Activity: Count the lines in the entries that contain the string "CompositionType". State nothing but the number.

○ ○ ○ ○

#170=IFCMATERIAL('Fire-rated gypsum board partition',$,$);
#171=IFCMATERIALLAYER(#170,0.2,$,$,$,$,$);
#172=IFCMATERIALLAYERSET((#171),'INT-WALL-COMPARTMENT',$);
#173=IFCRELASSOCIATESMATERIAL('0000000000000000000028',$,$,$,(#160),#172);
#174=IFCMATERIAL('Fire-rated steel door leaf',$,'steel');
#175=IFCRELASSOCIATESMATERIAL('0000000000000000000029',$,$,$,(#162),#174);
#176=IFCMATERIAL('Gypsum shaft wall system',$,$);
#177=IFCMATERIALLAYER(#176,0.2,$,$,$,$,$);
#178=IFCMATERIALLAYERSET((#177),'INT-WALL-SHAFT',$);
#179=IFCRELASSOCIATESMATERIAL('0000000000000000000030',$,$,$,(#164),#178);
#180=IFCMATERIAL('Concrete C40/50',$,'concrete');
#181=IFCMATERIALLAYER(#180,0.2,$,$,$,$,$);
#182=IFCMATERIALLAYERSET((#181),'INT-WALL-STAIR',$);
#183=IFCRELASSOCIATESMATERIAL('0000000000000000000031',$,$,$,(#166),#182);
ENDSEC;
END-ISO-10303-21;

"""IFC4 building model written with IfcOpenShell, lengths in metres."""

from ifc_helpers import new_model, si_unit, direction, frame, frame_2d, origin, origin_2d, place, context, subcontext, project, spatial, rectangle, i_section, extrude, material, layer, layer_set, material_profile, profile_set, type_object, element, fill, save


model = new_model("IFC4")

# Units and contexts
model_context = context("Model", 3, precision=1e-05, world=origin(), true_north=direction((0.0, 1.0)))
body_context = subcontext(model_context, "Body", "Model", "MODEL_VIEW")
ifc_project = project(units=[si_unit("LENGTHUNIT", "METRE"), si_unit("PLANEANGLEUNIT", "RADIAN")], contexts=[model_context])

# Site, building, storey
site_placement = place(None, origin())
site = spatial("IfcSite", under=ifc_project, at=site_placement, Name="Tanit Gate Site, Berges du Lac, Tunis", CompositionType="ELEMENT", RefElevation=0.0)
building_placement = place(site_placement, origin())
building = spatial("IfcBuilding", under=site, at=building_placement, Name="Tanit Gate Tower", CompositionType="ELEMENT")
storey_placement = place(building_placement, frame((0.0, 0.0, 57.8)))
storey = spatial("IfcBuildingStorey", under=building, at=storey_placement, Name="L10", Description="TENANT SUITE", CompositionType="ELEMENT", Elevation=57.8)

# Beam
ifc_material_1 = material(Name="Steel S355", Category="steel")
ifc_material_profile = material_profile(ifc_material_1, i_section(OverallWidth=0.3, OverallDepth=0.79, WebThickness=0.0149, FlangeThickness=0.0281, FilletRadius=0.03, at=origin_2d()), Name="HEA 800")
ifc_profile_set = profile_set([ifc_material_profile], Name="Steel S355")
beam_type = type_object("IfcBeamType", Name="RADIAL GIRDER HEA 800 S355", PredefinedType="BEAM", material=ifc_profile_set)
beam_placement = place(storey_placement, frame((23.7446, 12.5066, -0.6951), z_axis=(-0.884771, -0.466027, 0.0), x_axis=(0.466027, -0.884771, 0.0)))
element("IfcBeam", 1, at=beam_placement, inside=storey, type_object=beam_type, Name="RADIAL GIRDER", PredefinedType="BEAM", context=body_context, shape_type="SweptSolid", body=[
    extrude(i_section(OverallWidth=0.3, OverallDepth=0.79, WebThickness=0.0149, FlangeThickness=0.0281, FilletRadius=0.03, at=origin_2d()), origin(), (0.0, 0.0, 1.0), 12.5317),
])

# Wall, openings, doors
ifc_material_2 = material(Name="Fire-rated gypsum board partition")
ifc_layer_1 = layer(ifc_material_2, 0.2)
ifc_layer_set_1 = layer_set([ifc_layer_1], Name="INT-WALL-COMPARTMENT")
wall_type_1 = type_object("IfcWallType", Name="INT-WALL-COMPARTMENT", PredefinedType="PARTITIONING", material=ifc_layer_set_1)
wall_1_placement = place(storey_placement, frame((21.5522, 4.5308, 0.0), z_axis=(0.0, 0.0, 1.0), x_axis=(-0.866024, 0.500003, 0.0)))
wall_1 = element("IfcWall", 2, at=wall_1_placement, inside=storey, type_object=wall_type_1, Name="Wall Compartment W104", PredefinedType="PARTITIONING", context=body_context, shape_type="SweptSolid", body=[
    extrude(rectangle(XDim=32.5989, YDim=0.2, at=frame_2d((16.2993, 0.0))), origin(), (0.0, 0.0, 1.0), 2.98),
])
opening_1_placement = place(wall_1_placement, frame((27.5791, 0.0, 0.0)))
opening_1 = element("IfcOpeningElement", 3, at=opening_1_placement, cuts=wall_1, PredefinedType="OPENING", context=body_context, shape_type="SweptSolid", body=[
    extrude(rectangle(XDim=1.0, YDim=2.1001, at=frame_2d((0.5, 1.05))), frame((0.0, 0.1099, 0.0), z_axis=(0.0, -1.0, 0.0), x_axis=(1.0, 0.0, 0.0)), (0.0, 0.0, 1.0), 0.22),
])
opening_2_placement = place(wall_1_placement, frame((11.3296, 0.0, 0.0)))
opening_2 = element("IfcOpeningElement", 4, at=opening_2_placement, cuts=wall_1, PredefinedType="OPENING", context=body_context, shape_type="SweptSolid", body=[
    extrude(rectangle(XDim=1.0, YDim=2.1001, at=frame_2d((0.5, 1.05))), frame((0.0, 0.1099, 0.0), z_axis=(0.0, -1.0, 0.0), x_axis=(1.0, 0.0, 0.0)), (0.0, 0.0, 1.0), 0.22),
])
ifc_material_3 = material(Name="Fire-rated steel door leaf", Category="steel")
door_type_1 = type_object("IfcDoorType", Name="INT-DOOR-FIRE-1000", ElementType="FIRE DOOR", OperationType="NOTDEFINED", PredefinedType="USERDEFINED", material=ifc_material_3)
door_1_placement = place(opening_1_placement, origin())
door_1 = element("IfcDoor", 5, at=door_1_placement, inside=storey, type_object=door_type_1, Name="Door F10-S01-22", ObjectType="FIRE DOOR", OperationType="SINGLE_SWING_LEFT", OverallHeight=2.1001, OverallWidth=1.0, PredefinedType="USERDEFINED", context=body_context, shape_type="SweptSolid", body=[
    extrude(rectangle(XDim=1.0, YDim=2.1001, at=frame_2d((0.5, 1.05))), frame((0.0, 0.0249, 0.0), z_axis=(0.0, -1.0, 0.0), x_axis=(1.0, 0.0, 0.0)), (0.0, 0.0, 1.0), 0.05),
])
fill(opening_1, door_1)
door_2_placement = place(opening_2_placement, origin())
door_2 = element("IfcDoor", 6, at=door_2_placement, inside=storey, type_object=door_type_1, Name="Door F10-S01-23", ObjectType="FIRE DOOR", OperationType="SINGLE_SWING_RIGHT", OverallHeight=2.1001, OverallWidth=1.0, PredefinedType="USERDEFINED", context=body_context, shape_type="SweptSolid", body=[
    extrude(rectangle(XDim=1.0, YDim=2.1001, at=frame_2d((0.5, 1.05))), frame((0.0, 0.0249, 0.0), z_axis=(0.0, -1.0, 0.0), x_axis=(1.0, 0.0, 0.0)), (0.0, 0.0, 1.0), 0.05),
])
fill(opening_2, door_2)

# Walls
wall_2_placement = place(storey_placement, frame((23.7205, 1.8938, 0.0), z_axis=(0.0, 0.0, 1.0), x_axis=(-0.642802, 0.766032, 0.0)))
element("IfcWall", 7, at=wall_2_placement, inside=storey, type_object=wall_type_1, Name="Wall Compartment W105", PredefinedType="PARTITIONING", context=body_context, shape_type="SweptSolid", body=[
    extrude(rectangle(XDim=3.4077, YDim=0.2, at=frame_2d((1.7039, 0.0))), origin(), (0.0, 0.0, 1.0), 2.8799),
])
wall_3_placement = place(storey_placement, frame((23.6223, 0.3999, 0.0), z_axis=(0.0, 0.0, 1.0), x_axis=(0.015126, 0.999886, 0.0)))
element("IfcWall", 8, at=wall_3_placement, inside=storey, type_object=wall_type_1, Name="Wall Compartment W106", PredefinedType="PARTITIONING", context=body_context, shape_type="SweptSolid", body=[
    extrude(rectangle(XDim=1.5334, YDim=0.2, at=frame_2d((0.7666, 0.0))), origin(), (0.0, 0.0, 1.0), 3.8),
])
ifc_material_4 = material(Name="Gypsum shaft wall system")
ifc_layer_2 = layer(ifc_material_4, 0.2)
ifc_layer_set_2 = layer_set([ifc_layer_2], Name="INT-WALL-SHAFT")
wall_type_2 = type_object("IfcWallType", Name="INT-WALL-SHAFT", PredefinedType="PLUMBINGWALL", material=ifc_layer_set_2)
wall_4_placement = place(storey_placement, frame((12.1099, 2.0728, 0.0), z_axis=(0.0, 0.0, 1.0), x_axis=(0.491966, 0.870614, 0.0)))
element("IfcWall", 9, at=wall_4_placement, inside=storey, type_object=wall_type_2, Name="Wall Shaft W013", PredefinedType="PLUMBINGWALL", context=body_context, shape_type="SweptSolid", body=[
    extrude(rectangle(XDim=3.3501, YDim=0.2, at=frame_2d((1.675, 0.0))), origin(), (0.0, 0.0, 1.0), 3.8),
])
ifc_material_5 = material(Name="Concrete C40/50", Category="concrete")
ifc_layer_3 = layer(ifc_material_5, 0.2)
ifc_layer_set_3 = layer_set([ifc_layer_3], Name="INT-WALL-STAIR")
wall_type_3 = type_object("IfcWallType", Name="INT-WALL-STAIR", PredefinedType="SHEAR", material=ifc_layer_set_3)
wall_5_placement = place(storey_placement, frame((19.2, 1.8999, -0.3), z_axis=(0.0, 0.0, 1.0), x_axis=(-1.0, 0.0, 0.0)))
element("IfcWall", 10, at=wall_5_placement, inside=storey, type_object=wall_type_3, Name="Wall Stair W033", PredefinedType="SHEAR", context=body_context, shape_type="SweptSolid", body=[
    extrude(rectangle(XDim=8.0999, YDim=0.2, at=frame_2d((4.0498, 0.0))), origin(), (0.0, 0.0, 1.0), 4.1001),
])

○ ○ ○ ○

Exercise output: 3